[[ Supplied data open ]]

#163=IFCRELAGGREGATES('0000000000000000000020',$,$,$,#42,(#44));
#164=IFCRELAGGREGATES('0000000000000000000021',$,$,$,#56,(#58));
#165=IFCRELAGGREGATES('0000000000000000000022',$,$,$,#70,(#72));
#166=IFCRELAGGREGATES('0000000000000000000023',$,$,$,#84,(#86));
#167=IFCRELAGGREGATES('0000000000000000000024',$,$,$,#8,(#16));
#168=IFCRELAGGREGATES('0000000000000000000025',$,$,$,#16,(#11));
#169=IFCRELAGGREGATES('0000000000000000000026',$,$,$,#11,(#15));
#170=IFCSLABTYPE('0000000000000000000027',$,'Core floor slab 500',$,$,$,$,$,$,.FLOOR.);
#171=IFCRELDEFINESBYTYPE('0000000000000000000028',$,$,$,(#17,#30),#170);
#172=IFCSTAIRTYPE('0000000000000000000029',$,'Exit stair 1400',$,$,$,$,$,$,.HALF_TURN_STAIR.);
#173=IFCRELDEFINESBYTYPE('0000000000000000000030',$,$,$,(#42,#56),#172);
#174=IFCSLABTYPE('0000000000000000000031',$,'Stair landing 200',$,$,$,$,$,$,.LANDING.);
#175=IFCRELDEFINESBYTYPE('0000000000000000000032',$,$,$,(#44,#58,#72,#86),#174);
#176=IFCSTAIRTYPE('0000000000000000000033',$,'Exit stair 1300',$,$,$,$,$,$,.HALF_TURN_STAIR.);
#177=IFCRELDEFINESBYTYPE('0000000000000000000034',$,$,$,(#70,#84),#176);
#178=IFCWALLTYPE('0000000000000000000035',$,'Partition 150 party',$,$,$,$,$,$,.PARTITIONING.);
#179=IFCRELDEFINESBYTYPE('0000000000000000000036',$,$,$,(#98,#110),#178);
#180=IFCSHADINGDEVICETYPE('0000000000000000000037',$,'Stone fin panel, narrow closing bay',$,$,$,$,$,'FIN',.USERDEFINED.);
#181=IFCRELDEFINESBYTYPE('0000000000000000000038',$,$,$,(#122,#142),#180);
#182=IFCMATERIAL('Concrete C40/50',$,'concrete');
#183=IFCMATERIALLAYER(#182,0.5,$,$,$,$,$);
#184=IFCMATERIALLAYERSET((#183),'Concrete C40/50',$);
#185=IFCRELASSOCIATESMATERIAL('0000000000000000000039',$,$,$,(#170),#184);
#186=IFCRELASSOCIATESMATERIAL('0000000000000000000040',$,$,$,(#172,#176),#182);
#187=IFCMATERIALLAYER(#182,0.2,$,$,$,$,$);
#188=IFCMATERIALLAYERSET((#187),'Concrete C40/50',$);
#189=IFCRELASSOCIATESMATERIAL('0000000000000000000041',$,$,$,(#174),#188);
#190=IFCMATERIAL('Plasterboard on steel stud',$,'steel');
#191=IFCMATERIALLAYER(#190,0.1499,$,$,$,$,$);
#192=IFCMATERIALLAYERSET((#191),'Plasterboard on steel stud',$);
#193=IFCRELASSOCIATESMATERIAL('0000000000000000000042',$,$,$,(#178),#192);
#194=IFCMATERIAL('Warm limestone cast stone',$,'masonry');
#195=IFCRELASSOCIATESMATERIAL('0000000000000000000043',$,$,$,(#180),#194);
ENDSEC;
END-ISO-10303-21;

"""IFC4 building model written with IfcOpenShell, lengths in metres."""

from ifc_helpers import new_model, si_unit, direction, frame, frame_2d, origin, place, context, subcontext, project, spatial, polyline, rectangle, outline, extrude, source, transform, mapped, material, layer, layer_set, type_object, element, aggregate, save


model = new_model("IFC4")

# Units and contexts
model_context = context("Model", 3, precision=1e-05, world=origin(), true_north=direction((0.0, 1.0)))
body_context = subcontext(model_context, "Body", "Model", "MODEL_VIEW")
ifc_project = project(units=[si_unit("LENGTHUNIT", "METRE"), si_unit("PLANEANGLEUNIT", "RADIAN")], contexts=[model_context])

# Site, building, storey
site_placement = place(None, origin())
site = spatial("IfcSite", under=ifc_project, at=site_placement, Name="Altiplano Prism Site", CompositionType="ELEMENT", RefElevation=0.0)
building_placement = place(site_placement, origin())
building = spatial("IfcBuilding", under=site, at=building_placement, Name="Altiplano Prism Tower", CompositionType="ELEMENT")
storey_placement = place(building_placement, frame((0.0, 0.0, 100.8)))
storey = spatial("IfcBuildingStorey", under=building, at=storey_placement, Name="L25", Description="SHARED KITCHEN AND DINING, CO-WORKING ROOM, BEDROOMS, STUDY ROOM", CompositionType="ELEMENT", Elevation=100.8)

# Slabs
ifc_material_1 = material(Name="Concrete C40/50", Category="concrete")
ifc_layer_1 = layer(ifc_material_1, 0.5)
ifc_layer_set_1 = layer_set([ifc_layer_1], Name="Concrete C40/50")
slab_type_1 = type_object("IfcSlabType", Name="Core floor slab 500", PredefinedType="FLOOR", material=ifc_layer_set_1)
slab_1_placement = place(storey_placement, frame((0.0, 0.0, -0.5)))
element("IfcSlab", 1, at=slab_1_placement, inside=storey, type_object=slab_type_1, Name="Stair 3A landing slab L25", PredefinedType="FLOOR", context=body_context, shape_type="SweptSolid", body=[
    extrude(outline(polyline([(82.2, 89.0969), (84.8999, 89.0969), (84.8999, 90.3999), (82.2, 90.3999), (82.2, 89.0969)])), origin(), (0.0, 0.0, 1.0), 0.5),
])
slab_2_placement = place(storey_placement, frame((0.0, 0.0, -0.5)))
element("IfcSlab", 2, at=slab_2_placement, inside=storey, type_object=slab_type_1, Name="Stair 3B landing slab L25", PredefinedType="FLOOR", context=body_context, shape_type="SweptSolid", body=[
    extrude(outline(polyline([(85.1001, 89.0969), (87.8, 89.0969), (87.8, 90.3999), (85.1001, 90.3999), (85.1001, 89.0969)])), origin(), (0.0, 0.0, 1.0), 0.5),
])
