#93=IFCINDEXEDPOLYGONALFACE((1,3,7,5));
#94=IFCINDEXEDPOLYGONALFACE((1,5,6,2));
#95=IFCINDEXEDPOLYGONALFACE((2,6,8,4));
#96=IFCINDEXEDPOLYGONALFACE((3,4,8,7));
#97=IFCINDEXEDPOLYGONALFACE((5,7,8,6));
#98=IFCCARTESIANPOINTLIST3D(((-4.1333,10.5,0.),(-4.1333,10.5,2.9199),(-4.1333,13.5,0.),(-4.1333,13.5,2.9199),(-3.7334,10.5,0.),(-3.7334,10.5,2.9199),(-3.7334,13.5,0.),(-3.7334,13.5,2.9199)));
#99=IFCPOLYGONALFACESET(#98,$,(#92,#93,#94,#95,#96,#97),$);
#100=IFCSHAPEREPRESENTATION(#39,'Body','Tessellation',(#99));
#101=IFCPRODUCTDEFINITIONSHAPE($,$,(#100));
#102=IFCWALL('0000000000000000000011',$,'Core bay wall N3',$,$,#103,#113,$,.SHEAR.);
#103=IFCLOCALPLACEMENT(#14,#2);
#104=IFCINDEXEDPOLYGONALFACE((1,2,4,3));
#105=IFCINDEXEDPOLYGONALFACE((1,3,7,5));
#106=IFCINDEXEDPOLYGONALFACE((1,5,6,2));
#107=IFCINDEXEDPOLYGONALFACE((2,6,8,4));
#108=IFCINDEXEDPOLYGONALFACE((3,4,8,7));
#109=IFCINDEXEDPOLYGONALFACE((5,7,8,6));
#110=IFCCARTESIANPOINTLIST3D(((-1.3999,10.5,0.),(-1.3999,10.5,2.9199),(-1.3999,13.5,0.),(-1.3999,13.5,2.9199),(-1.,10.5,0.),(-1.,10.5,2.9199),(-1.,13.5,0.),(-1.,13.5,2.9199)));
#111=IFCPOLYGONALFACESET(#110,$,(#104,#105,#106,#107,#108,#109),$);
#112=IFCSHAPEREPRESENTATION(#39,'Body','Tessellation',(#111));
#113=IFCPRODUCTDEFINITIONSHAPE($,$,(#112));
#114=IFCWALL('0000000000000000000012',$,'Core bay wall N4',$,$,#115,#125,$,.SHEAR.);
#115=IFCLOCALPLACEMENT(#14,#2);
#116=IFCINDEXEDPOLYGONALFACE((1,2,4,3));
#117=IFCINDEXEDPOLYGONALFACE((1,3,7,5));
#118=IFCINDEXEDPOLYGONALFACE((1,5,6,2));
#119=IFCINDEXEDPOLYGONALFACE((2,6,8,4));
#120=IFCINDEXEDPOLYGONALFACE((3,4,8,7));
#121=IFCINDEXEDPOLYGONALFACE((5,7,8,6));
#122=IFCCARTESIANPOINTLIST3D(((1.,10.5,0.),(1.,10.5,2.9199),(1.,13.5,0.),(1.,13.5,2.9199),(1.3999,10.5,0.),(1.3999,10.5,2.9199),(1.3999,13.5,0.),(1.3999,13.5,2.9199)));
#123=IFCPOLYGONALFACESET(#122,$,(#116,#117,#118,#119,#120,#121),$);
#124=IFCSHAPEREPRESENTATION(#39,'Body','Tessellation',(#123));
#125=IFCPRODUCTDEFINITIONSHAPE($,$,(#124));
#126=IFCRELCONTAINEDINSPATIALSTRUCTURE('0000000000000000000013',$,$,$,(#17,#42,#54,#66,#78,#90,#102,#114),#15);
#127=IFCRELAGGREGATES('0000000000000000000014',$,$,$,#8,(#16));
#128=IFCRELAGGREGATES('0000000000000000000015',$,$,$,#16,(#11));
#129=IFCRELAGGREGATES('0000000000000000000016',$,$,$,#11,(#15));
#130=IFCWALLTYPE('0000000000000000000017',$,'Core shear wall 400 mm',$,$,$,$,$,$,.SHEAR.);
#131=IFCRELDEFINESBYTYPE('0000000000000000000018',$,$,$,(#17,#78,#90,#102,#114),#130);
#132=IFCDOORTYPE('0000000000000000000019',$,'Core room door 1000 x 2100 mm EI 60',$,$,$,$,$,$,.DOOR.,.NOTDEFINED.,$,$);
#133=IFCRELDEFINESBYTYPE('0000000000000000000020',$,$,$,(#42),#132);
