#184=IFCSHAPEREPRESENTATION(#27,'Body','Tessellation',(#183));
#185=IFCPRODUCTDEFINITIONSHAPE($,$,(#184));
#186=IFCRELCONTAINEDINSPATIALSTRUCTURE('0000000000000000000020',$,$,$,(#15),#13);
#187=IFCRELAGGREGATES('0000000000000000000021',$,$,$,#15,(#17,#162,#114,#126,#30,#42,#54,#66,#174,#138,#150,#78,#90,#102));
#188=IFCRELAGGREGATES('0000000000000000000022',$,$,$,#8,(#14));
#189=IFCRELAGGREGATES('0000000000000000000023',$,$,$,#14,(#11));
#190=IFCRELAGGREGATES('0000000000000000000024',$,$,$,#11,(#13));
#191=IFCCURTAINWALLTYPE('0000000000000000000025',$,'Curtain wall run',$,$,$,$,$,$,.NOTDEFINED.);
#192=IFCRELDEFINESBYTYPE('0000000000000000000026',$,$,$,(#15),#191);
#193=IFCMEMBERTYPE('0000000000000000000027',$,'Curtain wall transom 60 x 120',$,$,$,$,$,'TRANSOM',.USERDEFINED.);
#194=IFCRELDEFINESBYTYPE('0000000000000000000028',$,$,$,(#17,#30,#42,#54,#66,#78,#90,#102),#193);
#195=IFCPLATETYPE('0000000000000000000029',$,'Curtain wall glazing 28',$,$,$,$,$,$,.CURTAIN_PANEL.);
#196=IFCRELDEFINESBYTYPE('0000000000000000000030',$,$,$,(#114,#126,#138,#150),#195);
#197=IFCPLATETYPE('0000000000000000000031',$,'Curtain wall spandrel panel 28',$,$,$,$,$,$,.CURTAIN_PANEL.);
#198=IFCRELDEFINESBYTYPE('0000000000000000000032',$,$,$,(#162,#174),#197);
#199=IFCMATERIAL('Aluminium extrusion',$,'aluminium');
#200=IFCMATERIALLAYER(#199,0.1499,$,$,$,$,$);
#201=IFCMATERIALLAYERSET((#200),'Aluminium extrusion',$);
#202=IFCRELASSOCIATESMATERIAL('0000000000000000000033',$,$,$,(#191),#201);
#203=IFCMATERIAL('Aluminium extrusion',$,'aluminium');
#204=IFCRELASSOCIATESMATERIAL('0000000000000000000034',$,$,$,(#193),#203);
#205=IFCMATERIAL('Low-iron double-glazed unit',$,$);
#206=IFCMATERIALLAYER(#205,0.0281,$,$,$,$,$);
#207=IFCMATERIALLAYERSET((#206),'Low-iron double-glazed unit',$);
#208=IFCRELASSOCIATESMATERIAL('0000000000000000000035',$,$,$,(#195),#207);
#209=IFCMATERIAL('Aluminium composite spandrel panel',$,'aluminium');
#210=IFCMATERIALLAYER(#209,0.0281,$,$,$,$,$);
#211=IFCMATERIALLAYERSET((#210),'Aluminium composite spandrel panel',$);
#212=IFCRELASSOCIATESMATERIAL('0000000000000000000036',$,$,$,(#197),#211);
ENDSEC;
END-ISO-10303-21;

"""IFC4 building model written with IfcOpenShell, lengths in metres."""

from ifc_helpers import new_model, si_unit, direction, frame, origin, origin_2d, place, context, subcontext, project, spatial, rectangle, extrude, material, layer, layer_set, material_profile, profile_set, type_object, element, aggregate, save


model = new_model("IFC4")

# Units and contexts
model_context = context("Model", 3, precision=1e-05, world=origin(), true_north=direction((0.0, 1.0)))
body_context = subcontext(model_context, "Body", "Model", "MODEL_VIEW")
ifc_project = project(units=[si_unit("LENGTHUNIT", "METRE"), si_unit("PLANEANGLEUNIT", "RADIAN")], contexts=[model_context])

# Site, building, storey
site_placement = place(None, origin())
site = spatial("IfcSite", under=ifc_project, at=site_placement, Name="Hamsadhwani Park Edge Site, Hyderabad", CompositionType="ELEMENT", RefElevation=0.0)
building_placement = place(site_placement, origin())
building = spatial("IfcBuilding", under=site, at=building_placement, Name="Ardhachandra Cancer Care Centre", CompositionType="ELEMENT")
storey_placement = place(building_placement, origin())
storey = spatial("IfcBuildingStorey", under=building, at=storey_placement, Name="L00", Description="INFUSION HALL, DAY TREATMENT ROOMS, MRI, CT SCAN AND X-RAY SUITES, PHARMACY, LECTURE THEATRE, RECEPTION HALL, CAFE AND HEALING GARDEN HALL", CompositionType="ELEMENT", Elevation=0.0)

[[ Supplied data closed ]]

* Instructions to follow:
In the records above, find the line with "AND DINING, CO-WORKING"; write out exactly that line and each one after it, stopping after the line with "#109=IFCINDEXEDPOLYGONALFACE((5,7,8,6));".

* Response area:
storey = spatial("IfcBuildingStorey", under=building, at=storey_placement, Name="L25", Description="SHARED KITCHEN AND DINING, CO-WORKING ROOM, BEDROOMS, STUDY ROOM", CompositionType="ELEMENT", Elevation=100.8)

# Slabs
ifc_material_1 = material(Name="Concrete C40/50", Category="concrete")
ifc_layer_1 = layer(ifc_material_1, 0.5)
ifc_layer_set_1 = layer_set([ifc_layer_1], Name="Concrete C40/50")
slab_type_1 = type_object("IfcSlabType", Name="Core floor slab 500", PredefinedType="FLOOR", material=ifc_layer_set_1)
slab_1_placement = place(storey_placement, frame((0.0, 0.0, -0.5)))
element("IfcSlab", 1, at=slab_1_placement, inside=storey, type_object=slab_type_1, Name="Stair 3A landing slab L25", PredefinedType="FLOOR", context=body_context, shape_type="SweptSolid", body=[
    extrude(outline(polyline([(82.2, 89.0969), (84.8999, 89.0969), (84.8999, 90.3999), (82.2, 90.3999), (82.2, 89.0969)])), origin(), (0.0, 0.0, 1.0), 0.5),
])
slab_2_placement = place(storey_placement, frame((0.0, 0.0, -0.5)))
element("IfcSlab", 2, at=slab_2_placement, inside=storey, type_object=slab_type_1, Name="Stair 3B landing slab L25", PredefinedType="FLOOR", context=body_context, shape_type="SweptSolid", body=[
    extrude(outline(polyline([(85.1001, 89.0969), (87.8, 89.0969), (87.8, 90.3999), (85.1001, 90.3999), (85.1001, 89.0969)])), origin(), (0.0, 0.0, 1.0), 0.5),
])
#93=IFCINDEXEDPOLYGONALFACE((1,3,7,5));
#94=IFCINDEXEDPOLYGONALFACE((1,5,6,2));
#95=IFCINDEXEDPOLYGONALFACE((2,6,8,4));
#96=IFCINDEXEDPOLYGONALFACE((3,4,8,7));
#97=IFCINDEXEDPOLYGONALFACE((5,7,8,6));
#98=IFCCARTESIANPOINTLIST3D(((-4.1333,10.5,0.),(-4.1333,10.5,2.9199),(-4.1333,13.5,0.),(-4.1333,13.5,2.9199),(-3.7334,10.5,0.),(-3.7334,10.5,2.9199),(-3.7334,13.5,0.),(-3.7334,13.5,2.9199)));
#99=IFCPOLYGONALFACESET(#98,$,(#92,#93,#94,#95,#96,#97),$);
#100=IFCSHAPEREPRESENTATION(#39,'Body','Tessellation',(#99));
#101=IFCPRODUCTDEFINITIONSHAPE($,$,(#100));
#102=IFCWALL('0000000000000000000011',$,'Core bay wall N3',$,$,#103,#113,$,.SHEAR.);
#103=IFCLOCALPLACEMENT(#14,#2);
#104=IFCINDEXEDPOLYGONALFACE((1,2,4,3));
#105=IFCINDEXEDPOLYGONALFACE((1,3,7,5));
#106=IFCINDEXEDPOLYGONALFACE((1,5,6,2));
#107=IFCINDEXEDPOLYGONALFACE((2,6,8,4));
#108=IFCINDEXEDPOLYGONALFACE((3,4,8,7));
#109=IFCINDEXEDPOLYGONALFACE((5,7,8,6));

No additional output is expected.